• TO DO: Find and return every line of the data that contains the word "IFCPOLYGONALFACESET".

[[ INPUT RECORDS, beginning ]]

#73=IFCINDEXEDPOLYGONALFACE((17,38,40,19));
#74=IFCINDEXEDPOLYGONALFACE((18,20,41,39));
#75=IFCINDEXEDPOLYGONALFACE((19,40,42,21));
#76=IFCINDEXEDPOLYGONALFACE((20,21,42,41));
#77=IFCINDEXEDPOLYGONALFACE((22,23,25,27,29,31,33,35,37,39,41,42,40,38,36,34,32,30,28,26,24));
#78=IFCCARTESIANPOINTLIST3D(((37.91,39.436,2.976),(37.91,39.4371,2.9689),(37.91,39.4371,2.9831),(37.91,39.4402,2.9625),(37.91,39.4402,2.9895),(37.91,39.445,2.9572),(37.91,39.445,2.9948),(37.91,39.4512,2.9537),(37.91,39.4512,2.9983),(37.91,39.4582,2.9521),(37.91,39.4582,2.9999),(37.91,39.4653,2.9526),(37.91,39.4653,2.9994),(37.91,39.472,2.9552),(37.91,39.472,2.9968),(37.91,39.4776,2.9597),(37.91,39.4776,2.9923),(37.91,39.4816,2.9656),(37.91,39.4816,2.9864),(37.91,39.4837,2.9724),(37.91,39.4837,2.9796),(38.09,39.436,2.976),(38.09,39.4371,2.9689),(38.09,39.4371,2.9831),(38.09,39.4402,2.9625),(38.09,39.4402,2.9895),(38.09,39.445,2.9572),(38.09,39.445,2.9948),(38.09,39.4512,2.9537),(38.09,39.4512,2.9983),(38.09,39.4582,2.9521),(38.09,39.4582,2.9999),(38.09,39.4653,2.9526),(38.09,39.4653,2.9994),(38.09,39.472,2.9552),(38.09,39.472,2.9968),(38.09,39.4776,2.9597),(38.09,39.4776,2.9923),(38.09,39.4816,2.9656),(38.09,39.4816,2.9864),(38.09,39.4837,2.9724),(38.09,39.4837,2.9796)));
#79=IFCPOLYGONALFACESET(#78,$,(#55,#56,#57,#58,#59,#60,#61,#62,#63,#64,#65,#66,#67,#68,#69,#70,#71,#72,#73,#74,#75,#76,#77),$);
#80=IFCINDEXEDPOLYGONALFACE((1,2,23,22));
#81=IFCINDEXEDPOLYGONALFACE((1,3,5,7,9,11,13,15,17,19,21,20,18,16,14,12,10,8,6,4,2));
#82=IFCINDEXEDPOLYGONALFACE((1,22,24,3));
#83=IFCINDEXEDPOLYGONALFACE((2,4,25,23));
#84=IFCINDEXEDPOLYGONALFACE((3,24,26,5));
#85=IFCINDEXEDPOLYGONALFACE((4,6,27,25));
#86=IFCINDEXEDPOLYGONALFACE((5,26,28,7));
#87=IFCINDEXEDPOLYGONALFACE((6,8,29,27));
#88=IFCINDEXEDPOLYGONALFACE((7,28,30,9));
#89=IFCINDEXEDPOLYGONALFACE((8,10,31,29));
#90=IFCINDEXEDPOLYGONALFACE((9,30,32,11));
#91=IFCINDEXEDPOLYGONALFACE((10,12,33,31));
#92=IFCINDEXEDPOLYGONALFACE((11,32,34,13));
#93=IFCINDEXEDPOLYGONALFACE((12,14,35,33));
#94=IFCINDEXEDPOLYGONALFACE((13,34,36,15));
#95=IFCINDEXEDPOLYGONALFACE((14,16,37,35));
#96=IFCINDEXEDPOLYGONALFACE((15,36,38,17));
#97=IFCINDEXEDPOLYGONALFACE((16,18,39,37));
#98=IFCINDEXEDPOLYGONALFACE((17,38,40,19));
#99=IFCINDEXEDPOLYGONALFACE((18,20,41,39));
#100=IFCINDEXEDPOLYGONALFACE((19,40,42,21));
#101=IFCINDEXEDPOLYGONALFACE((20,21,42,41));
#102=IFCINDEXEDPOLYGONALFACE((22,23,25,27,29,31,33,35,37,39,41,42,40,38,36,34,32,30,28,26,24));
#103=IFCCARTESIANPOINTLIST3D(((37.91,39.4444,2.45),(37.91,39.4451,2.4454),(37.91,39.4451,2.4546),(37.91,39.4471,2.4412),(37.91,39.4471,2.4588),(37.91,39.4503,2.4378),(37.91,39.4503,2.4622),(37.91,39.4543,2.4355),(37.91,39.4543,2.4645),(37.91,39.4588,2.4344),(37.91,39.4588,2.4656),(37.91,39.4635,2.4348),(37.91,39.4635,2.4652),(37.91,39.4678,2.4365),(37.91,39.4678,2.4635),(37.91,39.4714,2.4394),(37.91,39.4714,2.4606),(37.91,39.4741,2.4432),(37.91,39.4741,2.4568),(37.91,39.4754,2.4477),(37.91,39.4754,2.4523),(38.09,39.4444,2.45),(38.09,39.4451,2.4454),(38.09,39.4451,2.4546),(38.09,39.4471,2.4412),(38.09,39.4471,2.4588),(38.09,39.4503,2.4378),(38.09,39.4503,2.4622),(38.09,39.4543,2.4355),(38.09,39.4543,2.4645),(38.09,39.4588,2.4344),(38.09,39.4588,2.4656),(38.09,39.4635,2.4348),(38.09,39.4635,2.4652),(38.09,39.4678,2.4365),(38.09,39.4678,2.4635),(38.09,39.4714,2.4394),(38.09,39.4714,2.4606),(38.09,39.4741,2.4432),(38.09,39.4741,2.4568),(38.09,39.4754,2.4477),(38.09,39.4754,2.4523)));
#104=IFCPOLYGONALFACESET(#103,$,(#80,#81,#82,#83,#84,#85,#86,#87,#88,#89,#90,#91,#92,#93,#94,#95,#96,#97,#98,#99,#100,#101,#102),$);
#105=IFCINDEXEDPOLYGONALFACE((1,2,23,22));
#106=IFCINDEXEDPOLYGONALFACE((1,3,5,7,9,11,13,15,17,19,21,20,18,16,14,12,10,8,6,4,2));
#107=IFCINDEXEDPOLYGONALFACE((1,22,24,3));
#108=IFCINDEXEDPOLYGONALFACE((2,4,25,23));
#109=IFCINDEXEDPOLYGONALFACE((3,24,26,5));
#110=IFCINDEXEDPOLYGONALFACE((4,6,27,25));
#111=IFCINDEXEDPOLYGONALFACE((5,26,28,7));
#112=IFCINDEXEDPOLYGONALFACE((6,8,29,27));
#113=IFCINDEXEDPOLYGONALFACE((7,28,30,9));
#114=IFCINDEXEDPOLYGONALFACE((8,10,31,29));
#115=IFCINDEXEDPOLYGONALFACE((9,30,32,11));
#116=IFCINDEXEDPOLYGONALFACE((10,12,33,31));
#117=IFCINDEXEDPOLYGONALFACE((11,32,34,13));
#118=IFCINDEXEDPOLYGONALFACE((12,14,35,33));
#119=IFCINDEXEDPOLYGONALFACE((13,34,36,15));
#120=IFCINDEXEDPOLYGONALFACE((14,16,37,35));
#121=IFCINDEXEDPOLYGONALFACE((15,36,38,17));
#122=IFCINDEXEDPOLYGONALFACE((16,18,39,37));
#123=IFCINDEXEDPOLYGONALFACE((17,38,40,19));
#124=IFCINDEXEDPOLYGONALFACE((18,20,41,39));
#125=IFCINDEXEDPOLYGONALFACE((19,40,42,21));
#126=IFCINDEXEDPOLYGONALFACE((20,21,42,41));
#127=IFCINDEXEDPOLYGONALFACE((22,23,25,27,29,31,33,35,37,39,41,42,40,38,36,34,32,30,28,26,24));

[[ INPUT RECORDS, end ]]

• RESPONSE AREA:
#79=IFCPOLYGONALFACESET(#78,$,(#55,#56,#57,#58,#59,#60,#61,#62,#63,#64,#65,#66,#67,#68,#69,#70,#71,#72,#73,#74,#75,#76,#77),$);
#104=IFCPOLYGONALFACESET(#103,$,(#80,#81,#82,#83,#84,#85,#86,#87,#88,#89,#90,#91,#92,#93,#94,#95,#96,#97,#98,#99,#100,#101,#102),$);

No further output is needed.